- _Task prompt_
In the entries that follow, how many lines hold the string "Concrete"? Give only that number.

- _Data under study_

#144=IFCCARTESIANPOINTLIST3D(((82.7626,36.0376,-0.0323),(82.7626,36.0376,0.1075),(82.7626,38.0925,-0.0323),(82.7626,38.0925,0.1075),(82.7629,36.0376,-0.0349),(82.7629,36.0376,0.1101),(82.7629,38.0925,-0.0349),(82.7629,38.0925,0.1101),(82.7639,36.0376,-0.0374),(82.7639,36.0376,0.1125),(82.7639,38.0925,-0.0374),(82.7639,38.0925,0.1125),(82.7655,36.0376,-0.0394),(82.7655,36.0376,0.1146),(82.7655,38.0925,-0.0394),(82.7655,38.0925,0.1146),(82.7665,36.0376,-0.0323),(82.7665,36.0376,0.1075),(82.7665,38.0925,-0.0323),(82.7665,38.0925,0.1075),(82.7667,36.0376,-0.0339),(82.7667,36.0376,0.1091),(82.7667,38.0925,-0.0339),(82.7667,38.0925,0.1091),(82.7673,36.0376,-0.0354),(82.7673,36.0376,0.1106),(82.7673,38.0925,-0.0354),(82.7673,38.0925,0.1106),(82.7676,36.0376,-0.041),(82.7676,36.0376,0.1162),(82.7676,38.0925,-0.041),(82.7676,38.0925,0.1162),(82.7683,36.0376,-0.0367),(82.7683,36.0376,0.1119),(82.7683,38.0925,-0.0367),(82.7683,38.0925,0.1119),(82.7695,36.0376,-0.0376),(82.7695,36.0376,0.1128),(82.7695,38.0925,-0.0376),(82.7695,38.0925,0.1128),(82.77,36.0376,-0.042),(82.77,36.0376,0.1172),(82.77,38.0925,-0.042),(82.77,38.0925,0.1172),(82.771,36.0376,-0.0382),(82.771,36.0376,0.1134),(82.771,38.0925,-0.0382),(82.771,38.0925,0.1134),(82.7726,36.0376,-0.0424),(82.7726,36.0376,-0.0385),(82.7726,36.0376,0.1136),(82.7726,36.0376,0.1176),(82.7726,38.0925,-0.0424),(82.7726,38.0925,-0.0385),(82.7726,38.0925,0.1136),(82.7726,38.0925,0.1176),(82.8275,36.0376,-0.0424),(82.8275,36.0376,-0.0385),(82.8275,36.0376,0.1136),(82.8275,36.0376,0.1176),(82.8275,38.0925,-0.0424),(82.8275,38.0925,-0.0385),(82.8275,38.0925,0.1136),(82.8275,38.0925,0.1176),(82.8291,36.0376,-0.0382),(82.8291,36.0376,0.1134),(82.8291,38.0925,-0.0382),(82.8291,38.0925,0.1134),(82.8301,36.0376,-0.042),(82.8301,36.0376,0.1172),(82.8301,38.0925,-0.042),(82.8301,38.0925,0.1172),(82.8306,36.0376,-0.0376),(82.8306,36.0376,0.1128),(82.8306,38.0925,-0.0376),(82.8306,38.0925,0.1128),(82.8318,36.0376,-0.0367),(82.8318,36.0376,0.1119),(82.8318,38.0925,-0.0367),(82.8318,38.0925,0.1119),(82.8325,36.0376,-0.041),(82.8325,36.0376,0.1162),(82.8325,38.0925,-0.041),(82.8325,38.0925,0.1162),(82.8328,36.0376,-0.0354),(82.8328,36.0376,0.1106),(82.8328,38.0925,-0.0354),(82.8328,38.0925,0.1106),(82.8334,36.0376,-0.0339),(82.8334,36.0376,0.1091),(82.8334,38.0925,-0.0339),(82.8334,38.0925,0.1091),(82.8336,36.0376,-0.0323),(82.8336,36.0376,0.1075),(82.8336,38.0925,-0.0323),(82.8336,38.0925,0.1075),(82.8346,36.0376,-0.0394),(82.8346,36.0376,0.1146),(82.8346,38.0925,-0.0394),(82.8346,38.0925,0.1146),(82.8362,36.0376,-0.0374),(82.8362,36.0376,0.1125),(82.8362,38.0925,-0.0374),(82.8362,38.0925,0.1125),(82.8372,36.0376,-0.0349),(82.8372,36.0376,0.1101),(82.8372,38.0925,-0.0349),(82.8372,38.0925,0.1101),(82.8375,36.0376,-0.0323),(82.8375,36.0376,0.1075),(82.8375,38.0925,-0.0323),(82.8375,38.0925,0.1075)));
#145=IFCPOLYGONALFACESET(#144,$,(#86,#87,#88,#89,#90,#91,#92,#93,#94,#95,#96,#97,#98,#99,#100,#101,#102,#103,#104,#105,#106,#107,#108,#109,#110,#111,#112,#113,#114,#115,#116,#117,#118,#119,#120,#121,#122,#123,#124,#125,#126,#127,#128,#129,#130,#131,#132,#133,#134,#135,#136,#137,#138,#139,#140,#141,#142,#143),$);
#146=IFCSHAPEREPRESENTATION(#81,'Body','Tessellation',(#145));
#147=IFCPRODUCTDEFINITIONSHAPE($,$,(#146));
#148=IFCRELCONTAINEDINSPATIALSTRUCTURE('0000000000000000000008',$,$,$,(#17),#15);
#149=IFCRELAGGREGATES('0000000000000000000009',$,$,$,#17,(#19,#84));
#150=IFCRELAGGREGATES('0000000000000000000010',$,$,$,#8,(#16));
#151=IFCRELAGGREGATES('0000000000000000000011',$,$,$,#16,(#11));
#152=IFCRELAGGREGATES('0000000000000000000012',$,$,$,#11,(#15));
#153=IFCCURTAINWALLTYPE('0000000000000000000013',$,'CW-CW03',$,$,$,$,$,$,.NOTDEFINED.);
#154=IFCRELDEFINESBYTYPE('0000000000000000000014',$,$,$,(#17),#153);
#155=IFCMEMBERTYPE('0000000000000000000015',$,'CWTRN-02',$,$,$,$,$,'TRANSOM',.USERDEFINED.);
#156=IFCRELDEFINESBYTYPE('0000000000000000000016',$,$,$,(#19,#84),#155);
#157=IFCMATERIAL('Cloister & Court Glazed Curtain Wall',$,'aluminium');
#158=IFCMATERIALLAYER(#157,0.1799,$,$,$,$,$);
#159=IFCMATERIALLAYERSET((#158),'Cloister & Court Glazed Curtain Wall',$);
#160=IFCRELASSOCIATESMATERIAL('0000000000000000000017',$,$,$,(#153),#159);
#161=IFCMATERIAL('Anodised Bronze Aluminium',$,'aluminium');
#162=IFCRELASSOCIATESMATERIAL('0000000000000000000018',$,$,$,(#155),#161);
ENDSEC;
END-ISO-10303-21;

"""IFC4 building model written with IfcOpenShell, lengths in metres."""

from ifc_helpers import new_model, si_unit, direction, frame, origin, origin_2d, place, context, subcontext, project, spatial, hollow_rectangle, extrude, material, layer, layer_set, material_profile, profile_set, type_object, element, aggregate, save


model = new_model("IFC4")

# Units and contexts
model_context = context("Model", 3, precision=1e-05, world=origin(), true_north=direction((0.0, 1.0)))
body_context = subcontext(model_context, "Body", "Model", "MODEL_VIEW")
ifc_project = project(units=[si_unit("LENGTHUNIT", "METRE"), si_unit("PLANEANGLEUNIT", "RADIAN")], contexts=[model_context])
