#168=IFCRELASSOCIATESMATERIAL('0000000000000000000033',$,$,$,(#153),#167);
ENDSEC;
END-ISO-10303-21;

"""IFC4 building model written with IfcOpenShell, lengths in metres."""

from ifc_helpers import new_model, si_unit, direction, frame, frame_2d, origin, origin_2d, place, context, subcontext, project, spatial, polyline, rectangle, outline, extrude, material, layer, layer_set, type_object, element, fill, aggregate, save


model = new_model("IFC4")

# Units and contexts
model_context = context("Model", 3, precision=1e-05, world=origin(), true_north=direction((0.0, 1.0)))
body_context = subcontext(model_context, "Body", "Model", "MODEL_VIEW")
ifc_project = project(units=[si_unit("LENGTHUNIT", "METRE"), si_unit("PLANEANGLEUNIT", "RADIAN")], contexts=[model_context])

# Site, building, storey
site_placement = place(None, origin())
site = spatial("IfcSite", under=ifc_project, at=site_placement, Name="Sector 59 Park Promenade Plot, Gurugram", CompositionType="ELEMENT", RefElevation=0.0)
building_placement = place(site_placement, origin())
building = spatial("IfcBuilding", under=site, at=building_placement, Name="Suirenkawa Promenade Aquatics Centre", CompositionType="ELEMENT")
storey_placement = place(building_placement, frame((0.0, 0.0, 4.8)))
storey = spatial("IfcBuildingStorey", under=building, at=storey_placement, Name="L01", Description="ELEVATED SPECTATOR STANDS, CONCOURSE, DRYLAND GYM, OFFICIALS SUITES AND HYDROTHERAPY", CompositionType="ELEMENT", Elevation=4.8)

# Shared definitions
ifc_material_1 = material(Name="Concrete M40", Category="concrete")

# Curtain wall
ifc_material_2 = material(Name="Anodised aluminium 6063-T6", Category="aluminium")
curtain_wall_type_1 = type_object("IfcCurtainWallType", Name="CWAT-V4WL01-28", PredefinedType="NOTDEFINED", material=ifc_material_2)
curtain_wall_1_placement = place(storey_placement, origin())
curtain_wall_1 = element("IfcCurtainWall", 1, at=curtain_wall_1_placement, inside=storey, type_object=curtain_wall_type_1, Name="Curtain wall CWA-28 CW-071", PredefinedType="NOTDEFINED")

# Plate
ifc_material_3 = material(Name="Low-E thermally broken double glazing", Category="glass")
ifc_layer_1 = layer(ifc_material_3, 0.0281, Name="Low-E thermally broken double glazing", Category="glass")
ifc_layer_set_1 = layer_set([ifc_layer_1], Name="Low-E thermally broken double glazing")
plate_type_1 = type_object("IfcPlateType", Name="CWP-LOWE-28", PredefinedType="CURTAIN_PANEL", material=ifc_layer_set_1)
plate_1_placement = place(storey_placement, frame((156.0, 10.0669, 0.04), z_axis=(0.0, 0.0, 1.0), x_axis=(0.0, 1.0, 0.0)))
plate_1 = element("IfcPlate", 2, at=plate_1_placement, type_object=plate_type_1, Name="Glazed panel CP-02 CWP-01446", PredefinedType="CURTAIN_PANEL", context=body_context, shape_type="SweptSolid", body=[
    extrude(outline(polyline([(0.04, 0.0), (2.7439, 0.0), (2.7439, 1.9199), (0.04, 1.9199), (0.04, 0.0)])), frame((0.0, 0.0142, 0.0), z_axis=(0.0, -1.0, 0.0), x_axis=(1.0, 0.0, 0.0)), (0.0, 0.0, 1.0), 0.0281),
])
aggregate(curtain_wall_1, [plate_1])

---

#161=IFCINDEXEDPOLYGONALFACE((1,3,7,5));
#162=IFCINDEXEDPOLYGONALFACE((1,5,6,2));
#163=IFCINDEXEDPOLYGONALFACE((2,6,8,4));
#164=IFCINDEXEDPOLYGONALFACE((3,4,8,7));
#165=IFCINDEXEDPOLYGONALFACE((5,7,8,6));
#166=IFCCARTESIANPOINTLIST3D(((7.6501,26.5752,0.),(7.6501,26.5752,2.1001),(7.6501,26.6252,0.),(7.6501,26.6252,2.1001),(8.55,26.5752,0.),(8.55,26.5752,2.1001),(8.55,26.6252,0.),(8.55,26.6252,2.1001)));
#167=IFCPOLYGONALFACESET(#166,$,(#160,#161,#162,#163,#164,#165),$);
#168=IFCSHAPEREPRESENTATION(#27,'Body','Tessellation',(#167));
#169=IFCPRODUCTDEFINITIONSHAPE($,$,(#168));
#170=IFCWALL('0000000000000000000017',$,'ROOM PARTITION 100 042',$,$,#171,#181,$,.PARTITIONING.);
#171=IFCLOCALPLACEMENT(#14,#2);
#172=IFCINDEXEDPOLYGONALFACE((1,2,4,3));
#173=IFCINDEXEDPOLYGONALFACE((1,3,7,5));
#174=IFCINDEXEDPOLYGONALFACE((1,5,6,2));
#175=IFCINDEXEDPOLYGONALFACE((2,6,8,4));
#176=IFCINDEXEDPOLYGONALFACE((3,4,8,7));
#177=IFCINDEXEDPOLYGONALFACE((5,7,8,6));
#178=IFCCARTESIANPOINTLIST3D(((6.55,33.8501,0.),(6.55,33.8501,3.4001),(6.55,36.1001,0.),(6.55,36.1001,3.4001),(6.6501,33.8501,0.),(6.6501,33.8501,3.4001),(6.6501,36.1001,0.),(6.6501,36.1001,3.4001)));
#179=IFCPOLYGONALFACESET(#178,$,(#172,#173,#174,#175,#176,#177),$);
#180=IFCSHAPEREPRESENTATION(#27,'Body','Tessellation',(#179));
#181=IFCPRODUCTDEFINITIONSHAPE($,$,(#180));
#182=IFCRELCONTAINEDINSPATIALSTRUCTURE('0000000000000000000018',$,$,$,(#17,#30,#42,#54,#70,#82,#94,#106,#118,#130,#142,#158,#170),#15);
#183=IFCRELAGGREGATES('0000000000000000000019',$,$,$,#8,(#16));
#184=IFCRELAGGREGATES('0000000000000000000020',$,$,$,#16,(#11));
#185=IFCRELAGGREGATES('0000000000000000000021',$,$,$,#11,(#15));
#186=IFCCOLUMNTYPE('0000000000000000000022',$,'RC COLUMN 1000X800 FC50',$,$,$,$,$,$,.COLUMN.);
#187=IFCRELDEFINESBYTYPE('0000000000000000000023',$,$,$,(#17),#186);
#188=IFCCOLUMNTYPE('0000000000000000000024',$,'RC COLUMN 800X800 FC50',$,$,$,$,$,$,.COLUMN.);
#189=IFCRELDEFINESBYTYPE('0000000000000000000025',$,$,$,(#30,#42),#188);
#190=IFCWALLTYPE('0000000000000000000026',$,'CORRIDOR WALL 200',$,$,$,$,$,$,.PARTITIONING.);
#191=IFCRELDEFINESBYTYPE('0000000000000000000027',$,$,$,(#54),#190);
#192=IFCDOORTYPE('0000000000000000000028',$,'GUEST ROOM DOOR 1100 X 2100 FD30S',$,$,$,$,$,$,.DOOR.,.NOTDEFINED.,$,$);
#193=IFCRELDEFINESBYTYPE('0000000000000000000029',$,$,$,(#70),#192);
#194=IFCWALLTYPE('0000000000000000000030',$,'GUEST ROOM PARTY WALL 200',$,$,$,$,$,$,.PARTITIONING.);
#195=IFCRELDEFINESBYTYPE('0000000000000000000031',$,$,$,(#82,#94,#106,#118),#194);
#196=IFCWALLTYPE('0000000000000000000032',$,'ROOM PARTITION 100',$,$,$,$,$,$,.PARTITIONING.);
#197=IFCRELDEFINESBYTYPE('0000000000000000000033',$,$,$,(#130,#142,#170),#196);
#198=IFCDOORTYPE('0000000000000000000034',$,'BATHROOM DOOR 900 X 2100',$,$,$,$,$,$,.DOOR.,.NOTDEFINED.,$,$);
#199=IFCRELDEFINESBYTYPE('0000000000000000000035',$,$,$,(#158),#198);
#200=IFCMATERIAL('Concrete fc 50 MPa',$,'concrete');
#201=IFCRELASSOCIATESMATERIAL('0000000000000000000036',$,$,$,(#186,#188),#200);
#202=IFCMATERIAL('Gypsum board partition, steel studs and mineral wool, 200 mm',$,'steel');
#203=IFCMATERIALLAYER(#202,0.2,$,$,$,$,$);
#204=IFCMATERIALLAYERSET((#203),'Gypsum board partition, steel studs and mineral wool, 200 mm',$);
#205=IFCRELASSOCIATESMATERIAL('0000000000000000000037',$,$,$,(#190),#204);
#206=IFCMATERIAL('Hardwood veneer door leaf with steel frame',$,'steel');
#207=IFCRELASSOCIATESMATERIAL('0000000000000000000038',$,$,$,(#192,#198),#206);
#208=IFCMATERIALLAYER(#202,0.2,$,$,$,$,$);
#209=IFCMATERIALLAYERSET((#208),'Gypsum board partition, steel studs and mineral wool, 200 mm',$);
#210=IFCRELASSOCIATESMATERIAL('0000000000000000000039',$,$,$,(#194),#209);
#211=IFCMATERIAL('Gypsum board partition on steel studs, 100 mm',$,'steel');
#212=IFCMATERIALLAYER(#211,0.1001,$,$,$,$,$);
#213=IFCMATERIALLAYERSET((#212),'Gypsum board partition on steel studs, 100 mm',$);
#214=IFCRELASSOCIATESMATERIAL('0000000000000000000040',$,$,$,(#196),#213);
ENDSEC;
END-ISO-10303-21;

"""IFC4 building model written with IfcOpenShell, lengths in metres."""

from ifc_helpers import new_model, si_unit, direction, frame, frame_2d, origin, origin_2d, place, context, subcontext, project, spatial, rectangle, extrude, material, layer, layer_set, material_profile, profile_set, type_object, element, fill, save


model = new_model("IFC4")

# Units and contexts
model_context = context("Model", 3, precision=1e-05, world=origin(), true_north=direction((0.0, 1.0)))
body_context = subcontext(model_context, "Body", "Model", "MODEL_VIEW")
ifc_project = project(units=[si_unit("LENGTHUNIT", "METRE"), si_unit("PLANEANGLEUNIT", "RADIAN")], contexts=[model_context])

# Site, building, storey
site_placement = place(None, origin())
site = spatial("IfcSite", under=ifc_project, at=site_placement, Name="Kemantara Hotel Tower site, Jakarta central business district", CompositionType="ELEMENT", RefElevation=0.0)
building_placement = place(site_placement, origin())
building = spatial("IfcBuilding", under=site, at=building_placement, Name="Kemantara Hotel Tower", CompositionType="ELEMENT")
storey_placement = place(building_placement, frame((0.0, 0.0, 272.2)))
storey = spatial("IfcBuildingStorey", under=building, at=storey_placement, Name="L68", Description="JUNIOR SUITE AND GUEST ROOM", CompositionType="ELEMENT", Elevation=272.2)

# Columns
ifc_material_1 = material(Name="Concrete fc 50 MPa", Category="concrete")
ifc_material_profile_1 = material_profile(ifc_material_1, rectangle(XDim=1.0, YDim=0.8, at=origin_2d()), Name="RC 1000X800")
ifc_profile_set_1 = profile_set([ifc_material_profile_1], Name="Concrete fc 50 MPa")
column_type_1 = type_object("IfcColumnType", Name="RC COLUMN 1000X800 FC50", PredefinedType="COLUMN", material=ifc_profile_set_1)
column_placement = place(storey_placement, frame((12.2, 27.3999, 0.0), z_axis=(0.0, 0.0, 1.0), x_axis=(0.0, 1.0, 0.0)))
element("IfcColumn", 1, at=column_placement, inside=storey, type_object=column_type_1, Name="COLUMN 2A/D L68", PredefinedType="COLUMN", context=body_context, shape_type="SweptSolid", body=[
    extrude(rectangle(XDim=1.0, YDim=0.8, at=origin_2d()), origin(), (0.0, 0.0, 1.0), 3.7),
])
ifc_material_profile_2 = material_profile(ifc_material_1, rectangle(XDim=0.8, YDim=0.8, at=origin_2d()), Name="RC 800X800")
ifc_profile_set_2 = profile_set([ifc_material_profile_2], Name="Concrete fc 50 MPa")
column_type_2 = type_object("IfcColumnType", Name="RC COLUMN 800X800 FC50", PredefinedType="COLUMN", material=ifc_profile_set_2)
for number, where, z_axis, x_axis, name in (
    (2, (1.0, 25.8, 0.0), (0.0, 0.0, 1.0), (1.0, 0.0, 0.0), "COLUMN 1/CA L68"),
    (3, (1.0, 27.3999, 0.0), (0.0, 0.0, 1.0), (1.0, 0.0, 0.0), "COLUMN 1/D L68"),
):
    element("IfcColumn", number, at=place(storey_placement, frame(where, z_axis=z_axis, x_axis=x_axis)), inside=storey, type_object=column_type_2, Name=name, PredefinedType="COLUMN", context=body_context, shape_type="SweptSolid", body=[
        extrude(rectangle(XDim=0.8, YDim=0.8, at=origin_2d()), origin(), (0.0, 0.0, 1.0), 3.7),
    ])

==

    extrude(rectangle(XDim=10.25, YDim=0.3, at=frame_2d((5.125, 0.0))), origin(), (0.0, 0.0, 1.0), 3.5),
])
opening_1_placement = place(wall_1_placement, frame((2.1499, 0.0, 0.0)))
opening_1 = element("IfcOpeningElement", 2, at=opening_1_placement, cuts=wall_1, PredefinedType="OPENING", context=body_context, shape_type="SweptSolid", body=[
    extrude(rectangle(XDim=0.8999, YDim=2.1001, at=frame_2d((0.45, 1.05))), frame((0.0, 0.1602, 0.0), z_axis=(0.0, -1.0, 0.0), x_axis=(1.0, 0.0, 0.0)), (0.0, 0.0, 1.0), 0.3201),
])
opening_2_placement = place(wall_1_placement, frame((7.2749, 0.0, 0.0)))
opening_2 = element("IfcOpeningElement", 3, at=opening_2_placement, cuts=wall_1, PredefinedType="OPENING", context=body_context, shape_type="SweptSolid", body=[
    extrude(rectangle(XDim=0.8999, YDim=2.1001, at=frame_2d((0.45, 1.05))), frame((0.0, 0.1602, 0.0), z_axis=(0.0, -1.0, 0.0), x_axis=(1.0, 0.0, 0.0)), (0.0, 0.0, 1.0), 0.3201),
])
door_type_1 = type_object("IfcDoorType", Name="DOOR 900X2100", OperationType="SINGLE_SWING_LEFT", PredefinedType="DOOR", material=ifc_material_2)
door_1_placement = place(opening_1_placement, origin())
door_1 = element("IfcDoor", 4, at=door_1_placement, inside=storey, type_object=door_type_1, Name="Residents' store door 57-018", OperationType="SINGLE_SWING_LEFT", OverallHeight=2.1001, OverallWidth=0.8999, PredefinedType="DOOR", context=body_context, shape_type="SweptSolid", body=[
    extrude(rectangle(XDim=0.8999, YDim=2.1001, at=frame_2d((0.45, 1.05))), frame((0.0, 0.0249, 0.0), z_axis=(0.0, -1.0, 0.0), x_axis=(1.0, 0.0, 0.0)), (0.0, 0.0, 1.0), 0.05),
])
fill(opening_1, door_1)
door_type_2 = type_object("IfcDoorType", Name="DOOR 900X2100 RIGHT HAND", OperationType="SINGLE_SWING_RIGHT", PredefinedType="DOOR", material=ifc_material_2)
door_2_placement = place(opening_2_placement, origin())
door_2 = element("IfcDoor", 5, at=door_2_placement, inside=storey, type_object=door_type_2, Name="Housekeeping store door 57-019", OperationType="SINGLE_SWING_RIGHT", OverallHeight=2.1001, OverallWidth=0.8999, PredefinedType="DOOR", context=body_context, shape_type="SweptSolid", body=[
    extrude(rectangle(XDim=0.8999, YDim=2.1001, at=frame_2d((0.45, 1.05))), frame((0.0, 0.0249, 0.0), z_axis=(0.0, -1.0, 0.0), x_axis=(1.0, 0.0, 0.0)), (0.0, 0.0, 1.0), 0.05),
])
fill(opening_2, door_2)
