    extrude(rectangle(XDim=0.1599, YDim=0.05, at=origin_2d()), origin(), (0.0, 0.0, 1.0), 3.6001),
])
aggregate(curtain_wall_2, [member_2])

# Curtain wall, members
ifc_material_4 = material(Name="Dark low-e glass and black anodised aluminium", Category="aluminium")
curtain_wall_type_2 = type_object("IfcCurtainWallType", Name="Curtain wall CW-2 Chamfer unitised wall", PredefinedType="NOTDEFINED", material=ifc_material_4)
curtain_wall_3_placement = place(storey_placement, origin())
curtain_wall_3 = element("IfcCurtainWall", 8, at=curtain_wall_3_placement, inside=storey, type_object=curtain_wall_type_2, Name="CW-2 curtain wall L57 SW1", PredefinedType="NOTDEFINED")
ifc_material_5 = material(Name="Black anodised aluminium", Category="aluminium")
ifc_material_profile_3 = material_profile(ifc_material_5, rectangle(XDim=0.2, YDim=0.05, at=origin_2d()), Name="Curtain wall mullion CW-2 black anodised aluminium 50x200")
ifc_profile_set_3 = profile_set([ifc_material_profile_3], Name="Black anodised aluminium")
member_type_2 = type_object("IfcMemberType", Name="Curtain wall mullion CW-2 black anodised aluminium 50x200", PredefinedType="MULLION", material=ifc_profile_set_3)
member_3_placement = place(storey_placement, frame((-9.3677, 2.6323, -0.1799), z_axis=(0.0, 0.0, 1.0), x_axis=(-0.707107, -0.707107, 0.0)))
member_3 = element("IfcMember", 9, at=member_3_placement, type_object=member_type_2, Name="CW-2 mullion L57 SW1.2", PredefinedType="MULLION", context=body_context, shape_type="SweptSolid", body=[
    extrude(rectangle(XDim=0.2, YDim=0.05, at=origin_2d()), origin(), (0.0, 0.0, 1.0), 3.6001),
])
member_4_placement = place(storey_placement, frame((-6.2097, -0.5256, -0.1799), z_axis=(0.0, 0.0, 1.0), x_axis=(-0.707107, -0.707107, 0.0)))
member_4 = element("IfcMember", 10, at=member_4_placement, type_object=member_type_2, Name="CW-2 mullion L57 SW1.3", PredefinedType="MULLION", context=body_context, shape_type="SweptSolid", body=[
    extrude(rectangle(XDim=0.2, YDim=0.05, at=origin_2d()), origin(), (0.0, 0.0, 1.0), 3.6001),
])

- _Completed exercise_
5